§ **WHAT THE EXERCISE ASKS**: Write out every line below that contains "IFCRELAGGREGATES".

§ **AVAILABLE DATA**:
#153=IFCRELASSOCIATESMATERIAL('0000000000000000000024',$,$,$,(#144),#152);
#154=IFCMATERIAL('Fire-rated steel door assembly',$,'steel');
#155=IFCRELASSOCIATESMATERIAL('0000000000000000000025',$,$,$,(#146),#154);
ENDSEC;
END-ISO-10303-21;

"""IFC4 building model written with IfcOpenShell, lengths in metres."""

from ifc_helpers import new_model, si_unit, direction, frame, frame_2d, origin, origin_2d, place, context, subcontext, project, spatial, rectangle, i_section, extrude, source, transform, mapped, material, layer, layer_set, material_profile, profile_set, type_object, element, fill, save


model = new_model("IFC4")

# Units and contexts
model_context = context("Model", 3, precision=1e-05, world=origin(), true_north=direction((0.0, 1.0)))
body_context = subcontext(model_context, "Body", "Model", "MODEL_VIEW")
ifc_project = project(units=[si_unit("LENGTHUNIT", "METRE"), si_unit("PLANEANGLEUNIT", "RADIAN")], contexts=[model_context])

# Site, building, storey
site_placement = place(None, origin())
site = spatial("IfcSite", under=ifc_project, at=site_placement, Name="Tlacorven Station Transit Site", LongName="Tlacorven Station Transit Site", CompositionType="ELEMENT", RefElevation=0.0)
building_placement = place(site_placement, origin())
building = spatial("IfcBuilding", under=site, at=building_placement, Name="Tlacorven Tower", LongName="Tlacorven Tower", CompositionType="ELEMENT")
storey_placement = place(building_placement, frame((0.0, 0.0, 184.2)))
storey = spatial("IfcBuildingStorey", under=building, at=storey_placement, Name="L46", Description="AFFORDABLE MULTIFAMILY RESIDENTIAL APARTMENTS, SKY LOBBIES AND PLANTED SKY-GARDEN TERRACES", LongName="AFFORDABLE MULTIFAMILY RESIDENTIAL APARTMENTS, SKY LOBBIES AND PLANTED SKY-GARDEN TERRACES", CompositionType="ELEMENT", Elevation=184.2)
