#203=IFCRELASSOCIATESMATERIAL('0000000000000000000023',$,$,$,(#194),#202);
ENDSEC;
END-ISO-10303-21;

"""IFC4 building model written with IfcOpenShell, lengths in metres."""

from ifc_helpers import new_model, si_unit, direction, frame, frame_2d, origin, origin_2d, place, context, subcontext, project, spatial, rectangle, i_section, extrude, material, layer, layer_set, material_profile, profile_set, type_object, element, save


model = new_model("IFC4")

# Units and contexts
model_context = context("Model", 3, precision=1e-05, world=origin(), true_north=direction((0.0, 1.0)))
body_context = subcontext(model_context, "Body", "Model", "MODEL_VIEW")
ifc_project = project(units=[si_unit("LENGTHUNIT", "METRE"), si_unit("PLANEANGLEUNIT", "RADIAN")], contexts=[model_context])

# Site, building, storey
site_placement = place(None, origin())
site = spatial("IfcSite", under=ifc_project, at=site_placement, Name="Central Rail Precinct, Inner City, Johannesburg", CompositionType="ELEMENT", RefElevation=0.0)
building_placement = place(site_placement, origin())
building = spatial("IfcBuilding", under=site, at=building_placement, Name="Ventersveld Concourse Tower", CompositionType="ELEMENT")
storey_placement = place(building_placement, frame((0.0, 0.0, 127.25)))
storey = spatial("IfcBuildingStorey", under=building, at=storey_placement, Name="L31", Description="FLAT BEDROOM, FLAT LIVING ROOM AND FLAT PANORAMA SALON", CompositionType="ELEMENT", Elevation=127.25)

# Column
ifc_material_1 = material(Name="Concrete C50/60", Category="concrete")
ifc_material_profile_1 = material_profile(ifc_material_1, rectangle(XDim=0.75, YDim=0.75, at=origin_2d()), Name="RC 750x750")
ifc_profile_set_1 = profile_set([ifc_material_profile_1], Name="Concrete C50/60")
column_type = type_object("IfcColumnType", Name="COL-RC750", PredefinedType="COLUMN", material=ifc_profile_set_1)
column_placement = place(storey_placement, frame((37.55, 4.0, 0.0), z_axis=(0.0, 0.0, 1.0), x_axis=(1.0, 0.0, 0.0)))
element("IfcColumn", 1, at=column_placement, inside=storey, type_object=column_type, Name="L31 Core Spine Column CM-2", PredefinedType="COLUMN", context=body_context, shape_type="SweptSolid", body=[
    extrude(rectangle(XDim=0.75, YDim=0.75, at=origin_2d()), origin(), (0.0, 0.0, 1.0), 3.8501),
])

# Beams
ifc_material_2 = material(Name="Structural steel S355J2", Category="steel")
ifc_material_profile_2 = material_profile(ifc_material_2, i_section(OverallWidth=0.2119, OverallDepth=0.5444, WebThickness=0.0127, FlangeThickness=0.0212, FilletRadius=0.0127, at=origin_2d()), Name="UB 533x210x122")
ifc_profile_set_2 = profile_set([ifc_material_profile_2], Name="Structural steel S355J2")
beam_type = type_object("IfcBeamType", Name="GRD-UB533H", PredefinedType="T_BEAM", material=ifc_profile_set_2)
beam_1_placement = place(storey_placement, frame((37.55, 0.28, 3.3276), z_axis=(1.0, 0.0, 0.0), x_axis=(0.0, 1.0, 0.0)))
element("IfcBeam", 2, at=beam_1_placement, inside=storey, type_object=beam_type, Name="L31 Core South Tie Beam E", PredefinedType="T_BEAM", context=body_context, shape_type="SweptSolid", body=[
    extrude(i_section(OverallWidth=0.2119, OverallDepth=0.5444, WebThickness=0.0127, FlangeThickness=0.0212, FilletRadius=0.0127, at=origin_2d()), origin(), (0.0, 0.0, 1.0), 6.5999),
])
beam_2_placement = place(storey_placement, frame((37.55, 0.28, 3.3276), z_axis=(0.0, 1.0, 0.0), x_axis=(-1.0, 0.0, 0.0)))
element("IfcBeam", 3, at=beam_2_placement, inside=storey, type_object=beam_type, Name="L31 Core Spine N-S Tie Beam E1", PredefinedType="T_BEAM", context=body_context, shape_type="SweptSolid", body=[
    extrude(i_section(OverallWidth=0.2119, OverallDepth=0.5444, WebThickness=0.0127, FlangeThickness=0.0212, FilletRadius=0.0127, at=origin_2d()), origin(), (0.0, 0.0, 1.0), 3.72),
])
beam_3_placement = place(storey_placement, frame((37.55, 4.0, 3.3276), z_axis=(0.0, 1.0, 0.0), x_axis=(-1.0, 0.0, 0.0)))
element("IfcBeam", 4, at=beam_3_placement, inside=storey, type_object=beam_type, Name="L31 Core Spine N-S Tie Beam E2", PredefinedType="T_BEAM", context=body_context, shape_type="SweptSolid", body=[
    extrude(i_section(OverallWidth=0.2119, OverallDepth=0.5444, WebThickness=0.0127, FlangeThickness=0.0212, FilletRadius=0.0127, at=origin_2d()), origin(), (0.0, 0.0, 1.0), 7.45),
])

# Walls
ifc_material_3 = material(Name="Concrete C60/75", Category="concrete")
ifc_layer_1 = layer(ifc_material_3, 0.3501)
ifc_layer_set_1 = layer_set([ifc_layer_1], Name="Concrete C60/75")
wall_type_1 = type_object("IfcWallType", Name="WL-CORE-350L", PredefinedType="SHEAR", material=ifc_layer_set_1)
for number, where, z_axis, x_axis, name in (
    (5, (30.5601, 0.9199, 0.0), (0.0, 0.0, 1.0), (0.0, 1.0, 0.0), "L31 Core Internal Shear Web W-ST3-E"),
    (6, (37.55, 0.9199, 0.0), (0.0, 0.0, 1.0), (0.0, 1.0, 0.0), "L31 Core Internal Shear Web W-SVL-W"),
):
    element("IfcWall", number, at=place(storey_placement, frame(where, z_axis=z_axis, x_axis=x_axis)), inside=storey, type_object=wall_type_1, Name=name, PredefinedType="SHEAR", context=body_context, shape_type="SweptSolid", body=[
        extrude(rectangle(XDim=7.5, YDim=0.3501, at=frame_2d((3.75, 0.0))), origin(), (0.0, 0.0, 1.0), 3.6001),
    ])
...
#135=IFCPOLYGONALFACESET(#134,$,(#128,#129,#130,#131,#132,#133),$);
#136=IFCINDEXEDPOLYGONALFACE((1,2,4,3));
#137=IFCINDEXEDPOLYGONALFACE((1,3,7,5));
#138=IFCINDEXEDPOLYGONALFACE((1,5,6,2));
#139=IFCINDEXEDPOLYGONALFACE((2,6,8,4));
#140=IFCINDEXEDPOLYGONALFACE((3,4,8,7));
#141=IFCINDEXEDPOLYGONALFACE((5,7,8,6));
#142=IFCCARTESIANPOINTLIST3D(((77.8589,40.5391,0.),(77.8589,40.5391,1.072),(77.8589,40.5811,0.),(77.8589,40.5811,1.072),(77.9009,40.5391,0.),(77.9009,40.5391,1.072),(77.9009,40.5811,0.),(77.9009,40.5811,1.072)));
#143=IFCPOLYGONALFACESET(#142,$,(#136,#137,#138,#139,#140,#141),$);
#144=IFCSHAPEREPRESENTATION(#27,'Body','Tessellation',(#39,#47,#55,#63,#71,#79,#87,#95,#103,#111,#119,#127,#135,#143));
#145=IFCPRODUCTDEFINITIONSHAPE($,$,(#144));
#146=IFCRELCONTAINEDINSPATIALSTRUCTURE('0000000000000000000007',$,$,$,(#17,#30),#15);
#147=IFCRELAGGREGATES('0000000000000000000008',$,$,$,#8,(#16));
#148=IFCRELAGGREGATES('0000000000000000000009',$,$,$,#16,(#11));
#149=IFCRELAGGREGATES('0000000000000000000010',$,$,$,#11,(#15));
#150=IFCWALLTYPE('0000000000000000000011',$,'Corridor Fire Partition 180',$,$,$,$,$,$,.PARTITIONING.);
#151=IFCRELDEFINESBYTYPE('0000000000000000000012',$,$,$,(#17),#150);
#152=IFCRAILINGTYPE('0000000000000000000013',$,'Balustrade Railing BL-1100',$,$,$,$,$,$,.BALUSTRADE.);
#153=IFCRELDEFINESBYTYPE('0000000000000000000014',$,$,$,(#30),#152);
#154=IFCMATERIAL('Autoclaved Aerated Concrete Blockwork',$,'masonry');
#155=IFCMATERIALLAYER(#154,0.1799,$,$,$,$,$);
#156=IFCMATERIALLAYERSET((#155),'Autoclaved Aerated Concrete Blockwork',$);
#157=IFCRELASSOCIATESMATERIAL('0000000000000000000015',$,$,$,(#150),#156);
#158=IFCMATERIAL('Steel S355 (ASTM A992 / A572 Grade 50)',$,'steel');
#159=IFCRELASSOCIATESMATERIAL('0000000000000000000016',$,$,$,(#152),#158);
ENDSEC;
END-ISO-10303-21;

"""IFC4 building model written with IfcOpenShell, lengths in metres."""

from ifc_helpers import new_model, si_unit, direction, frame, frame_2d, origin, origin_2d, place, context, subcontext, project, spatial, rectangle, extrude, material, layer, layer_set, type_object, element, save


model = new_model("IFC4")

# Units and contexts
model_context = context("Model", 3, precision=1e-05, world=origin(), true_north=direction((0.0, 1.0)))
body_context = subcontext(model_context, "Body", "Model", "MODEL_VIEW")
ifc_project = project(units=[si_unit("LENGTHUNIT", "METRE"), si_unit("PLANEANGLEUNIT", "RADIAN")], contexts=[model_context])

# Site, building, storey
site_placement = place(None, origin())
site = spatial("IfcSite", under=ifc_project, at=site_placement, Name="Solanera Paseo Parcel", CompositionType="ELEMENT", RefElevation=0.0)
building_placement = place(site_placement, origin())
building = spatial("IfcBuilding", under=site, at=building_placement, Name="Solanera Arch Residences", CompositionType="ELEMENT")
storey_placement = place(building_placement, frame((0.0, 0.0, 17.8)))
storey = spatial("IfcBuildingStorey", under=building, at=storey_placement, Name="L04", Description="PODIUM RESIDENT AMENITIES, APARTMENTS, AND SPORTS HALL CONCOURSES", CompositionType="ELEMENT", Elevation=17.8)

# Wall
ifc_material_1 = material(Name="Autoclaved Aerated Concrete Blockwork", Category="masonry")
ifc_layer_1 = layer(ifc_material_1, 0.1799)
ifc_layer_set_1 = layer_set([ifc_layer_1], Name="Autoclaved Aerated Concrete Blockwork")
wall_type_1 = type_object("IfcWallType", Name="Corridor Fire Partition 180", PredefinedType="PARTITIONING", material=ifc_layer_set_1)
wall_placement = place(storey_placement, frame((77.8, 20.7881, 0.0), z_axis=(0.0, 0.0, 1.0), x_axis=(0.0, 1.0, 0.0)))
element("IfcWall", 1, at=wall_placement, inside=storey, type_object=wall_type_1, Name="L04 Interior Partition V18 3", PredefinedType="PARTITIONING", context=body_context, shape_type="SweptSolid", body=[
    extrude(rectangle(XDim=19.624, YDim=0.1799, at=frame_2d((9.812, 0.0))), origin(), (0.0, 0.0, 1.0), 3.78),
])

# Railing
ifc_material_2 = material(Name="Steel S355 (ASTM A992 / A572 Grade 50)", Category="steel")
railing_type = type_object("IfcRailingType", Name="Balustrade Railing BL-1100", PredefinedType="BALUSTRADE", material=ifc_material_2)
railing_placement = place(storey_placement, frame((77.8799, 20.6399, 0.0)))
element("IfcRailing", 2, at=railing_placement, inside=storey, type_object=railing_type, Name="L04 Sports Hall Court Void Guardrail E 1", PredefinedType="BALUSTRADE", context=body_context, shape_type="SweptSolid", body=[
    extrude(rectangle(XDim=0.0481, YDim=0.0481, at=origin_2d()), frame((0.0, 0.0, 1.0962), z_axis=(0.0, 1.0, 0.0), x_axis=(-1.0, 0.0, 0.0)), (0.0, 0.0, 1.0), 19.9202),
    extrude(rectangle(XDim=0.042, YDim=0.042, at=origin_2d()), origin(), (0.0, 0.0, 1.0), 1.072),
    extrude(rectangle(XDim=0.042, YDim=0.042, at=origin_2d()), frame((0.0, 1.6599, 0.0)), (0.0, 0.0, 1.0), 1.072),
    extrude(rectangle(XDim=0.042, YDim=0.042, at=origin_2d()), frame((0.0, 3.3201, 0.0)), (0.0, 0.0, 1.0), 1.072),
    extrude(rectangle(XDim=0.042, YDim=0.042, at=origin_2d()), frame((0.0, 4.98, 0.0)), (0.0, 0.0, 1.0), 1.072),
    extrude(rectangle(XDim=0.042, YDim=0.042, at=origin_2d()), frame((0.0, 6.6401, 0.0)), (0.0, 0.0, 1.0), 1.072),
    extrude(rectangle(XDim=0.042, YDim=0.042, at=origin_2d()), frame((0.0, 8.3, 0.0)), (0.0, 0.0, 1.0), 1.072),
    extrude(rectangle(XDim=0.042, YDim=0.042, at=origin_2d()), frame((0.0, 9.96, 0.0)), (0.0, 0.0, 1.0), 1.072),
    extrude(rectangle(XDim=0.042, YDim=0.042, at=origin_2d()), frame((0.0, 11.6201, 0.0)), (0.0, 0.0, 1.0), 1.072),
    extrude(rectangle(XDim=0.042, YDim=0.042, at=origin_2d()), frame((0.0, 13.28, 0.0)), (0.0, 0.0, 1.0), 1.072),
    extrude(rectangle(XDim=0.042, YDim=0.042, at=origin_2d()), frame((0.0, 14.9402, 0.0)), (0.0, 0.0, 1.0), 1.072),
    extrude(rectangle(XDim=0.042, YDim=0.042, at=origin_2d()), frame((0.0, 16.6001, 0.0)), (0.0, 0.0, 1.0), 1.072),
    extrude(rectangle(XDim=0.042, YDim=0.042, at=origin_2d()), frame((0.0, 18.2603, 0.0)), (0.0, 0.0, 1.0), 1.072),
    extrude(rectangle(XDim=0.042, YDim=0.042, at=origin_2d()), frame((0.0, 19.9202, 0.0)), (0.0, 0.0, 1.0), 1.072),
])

§ **ANSWER AREA**:
#147=IFCRELAGGREGATES('0000000000000000000008',$,$,$,#8,(#16));
#148=IFCRELAGGREGATES('0000000000000000000009',$,$,$,#16,(#11));
#149=IFCRELAGGREGATES('0000000000000000000010',$,$,$,#11,(#15));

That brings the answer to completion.